== DATA SHOWN ==
- - - - -

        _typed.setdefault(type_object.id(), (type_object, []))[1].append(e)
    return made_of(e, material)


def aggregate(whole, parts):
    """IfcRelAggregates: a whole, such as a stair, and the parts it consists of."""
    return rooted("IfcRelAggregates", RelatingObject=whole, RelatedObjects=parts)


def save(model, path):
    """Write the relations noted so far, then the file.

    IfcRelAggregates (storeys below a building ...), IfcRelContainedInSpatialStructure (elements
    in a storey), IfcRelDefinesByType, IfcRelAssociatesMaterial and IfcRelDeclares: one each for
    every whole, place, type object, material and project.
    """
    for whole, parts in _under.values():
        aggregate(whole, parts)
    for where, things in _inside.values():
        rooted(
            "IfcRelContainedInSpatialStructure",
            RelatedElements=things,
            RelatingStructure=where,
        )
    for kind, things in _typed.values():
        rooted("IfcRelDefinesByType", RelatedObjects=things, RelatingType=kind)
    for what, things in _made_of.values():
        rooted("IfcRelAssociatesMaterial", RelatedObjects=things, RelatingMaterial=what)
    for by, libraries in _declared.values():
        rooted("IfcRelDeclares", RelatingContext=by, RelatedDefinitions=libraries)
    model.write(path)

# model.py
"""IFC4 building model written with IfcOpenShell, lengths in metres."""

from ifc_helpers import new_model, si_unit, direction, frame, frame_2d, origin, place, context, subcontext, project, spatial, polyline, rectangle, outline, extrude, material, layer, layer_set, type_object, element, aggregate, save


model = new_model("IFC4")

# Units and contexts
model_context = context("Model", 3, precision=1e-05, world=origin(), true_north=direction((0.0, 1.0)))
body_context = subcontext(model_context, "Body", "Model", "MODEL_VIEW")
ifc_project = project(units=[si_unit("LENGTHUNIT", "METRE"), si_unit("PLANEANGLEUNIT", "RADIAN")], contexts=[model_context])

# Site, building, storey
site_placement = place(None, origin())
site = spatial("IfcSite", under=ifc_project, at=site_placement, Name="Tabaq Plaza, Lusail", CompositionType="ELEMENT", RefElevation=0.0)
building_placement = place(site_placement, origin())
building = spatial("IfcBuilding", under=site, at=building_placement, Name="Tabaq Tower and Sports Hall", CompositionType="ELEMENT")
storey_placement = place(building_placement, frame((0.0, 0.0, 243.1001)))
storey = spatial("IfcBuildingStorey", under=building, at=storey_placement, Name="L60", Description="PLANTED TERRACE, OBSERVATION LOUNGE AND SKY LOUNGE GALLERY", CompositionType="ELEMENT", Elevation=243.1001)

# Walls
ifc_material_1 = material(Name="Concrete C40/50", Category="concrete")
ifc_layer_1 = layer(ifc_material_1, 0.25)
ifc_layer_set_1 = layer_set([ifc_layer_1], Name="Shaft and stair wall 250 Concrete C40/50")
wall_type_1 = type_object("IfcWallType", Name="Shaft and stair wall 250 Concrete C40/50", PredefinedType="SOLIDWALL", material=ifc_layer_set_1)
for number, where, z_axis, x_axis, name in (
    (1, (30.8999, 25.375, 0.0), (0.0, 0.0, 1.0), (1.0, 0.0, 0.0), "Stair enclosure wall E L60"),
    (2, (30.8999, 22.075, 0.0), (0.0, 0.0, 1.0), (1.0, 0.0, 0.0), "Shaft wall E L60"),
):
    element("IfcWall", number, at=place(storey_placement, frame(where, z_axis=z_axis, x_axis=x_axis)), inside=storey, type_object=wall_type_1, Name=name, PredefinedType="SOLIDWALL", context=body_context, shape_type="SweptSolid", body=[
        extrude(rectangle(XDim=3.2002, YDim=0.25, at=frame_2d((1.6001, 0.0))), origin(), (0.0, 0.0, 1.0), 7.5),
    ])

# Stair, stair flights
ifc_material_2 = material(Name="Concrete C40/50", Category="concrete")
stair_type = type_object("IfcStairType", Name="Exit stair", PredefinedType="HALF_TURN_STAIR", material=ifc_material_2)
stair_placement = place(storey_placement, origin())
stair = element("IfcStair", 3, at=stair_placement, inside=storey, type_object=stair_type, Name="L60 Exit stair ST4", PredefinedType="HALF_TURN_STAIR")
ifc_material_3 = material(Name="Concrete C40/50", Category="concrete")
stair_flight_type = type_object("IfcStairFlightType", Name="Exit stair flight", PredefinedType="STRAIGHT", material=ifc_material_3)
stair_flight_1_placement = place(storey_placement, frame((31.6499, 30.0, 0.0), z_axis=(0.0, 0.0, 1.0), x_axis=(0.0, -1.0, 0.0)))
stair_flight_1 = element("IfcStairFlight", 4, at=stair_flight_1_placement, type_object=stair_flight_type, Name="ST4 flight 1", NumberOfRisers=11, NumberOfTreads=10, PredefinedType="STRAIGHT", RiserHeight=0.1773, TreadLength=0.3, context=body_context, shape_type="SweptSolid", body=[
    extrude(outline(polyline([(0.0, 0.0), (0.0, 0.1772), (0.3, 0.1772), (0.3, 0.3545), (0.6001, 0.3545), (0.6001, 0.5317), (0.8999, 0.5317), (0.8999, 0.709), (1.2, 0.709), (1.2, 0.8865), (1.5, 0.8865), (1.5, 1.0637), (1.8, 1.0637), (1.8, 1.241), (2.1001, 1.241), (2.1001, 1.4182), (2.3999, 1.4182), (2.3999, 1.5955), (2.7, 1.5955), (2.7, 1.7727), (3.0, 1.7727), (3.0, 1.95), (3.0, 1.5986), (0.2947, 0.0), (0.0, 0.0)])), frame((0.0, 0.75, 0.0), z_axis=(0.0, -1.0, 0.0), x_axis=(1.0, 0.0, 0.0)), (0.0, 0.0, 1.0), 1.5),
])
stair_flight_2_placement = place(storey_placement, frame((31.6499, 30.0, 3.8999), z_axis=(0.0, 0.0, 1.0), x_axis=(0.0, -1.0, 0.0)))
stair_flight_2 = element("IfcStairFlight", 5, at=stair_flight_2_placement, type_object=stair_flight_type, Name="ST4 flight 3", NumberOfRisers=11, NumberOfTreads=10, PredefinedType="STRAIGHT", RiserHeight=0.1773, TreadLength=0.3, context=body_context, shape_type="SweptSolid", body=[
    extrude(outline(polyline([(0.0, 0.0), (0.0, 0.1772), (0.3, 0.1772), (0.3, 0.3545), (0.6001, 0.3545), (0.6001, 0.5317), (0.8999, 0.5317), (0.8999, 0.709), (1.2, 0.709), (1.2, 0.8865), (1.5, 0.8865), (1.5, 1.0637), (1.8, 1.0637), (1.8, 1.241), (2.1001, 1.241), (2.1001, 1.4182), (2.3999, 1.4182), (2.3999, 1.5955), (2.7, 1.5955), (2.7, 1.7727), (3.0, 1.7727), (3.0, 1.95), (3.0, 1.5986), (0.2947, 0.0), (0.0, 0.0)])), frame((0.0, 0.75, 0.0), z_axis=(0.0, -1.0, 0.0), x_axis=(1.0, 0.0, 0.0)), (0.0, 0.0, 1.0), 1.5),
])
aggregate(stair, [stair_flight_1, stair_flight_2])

- - - - -

== ASSIGNED TASK ==
In full and without alteration, write out each record.

== EXERCISE ANSWER ==
        _typed.setdefault(type_object.id(), (type_object, []))[1].append(e)
    return made_of(e, material)


def aggregate(whole, parts):
    """IfcRelAggregates: a whole, such as a stair, and the parts it consists of."""
    return rooted("IfcRelAggregates", RelatingObject=whole, RelatedObjects=parts)


def save(model, path):
    """Write the relations noted so far, then the file.

    IfcRelAggregates (storeys below a building ...), IfcRelContainedInSpatialStructure (elements
    in a storey), IfcRelDefinesByType, IfcRelAssociatesMaterial and IfcRelDeclares: one each for
    every whole, place, type object, material and project.
    """
    for whole, parts in _under.values():
        aggregate(whole, parts)
    for where, things in _inside.values():
        rooted(
            "IfcRelContainedInSpatialStructure",
            RelatedElements=things,
            RelatingStructure=where,
        )
    for kind, things in _typed.values():
        rooted("IfcRelDefinesByType", RelatedObjects=things, RelatingType=kind)
    for what, things in _made_of.values():
        rooted("IfcRelAssociatesMaterial", RelatedObjects=things, RelatingMaterial=what)
    for by, libraries in _declared.values():
        rooted("IfcRelDeclares", RelatingContext=by, RelatedDefinitions=libraries)
    model.write(path)

# model.py
"""IFC4 building model written with IfcOpenShell, lengths in metres."""

from ifc_helpers import new_model, si_unit, direction, frame, frame_2d, origin, place, context, subcontext, project, spatial, polyline, rectangle, outline, extrude, material, layer, layer_set, type_object, element, aggregate, save


model = new_model("IFC4")

# Units and contexts
model_context = context("Model", 3, precision=1e-05, world=origin(), true_north=direction((0.0, 1.0)))
body_context = subcontext(model_context, "Body", "Model", "MODEL_VIEW")
ifc_project = project(units=[si_unit("LENGTHUNIT", "METRE"), si_unit("PLANEANGLEUNIT", "RADIAN")], contexts=[model_context])

# Site, building, storey
site_placement = place(None, origin())
site = spatial("IfcSite", under=ifc_project, at=site_placement, Name="Tabaq Plaza, Lusail", CompositionType="ELEMENT", RefElevation=0.0)
building_placement = place(site_placement, origin())
building = spatial("IfcBuilding", under=site, at=building_placement, Name="Tabaq Tower and Sports Hall", CompositionType="ELEMENT")
storey_placement = place(building_placement, frame((0.0, 0.0, 243.1001)))
storey = spatial("IfcBuildingStorey", under=building, at=storey_placement, Name="L60", Description="PLANTED TERRACE, OBSERVATION LOUNGE AND SKY LOUNGE GALLERY", CompositionType="ELEMENT", Elevation=243.1001)

# Walls
ifc_material_1 = material(Name="Concrete C40/50", Category="concrete")
ifc_layer_1 = layer(ifc_material_1, 0.25)
ifc_layer_set_1 = layer_set([ifc_layer_1], Name="Shaft and stair wall 250 Concrete C40/50")
wall_type_1 = type_object("IfcWallType", Name="Shaft and stair wall 250 Concrete C40/50", PredefinedType="SOLIDWALL", material=ifc_layer_set_1)
for number, where, z_axis, x_axis, name in (
    (1, (30.8999, 25.375, 0.0), (0.0, 0.0, 1.0), (1.0, 0.0, 0.0), "Stair enclosure wall E L60"),
    (2, (30.8999, 22.075, 0.0), (0.0, 0.0, 1.0), (1.0, 0.0, 0.0), "Shaft wall E L60"),
):
    element("IfcWall", number, at=place(storey_placement, frame(where, z_axis=z_axis, x_axis=x_axis)), inside=storey, type_object=wall_type_1, Name=name, PredefinedType="SOLIDWALL", context=body_context, shape_type="SweptSolid", body=[
        extrude(rectangle(XDim=3.2002, YDim=0.25, at=frame_2d((1.6001, 0.0))), origin(), (0.0, 0.0, 1.0), 7.5),
    ])

# Stair, stair flights
ifc_material_2 = material(Name="Concrete C40/50", Category="concrete")
stair_type = type_object("IfcStairType", Name="Exit stair", PredefinedType="HALF_TURN_STAIR", material=ifc_material_2)
stair_placement = place(storey_placement, origin())
stair = element("IfcStair", 3, at=stair_placement, inside=storey, type_object=stair_type, Name="L60 Exit stair ST4", PredefinedType="HALF_TURN_STAIR")
ifc_material_3 = material(Name="Concrete C40/50", Category="concrete")
stair_flight_type = type_object("IfcStairFlightType", Name="Exit stair flight", PredefinedType="STRAIGHT", material=ifc_material_3)
stair_flight_1_placement = place(storey_placement, frame((31.6499, 30.0, 0.0), z_axis=(0.0, 0.0, 1.0), x_axis=(0.0, -1.0, 0.0)))
stair_flight_1 = element("IfcStairFlight", 4, at=stair_flight_1_placement, type_object=stair_flight_type, Name="ST4 flight 1", NumberOfRisers=11, NumberOfTreads=10, PredefinedType="STRAIGHT", RiserHeight=0.1773, TreadLength=0.3, context=body_context, shape_type="SweptSolid", body=[
    extrude(outline(polyline([(0.0, 0.0), (0.0, 0.1772), (0.3, 0.1772), (0.3, 0.3545), (0.6001, 0.3545), (0.6001, 0.5317), (0.8999, 0.5317), (0.8999, 0.709), (1.2, 0.709), (1.2, 0.8865), (1.5, 0.8865), (1.5, 1.0637), (1.8, 1.0637), (1.8, 1.241), (2.1001, 1.241), (2.1001, 1.4182), (2.3999, 1.4182), (2.3999, 1.5955), (2.7, 1.5955), (2.7, 1.7727), (3.0, 1.7727), (3.0, 1.95), (3.0, 1.5986), (0.2947, 0.0), (0.0, 0.0)])), frame((0.0, 0.75, 0.0), z_axis=(0.0, -1.0, 0.0), x_axis=(1.0, 0.0, 0.0)), (0.0, 0.0, 1.0), 1.5),
])
stair_flight_2_placement = place(storey_placement, frame((31.6499, 30.0, 3.8999), z_axis=(0.0, 0.0, 1.0), x_axis=(0.0, -1.0, 0.0)))
stair_flight_2 = element("IfcStairFlight", 5, at=stair_flight_2_placement, type_object=stair_flight_type, Name="ST4 flight 3", NumberOfRisers=11, NumberOfTreads=10, PredefinedType="STRAIGHT", RiserHeight=0.1773, TreadLength=0.3, context=body_context, shape_type="SweptSolid", body=[
    extrude(outline(polyline([(0.0, 0.0), (0.0, 0.1772), (0.3, 0.1772), (0.3, 0.3545), (0.6001, 0.3545), (0.6001, 0.5317), (0.8999, 0.5317), (0.8999, 0.709), (1.2, 0.709), (1.2, 0.8865), (1.5, 0.8865), (1.5, 1.0637), (1.8, 1.0637), (1.8, 1.241), (2.1001, 1.241), (2.1001, 1.4182), (2.3999, 1.4182), (2.3999, 1.5955), (2.7, 1.5955), (2.7, 1.7727), (3.0, 1.7727), (3.0, 1.95), (3.0, 1.5986), (0.2947, 0.0), (0.0, 0.0)])), frame((0.0, 0.75, 0.0), z_axis=(0.0, -1.0, 0.0), x_axis=(1.0, 0.0, 0.0)), (0.0, 0.0, 1.0), 1.5),
])
aggregate(stair, [stair_flight_1, stair_flight_2])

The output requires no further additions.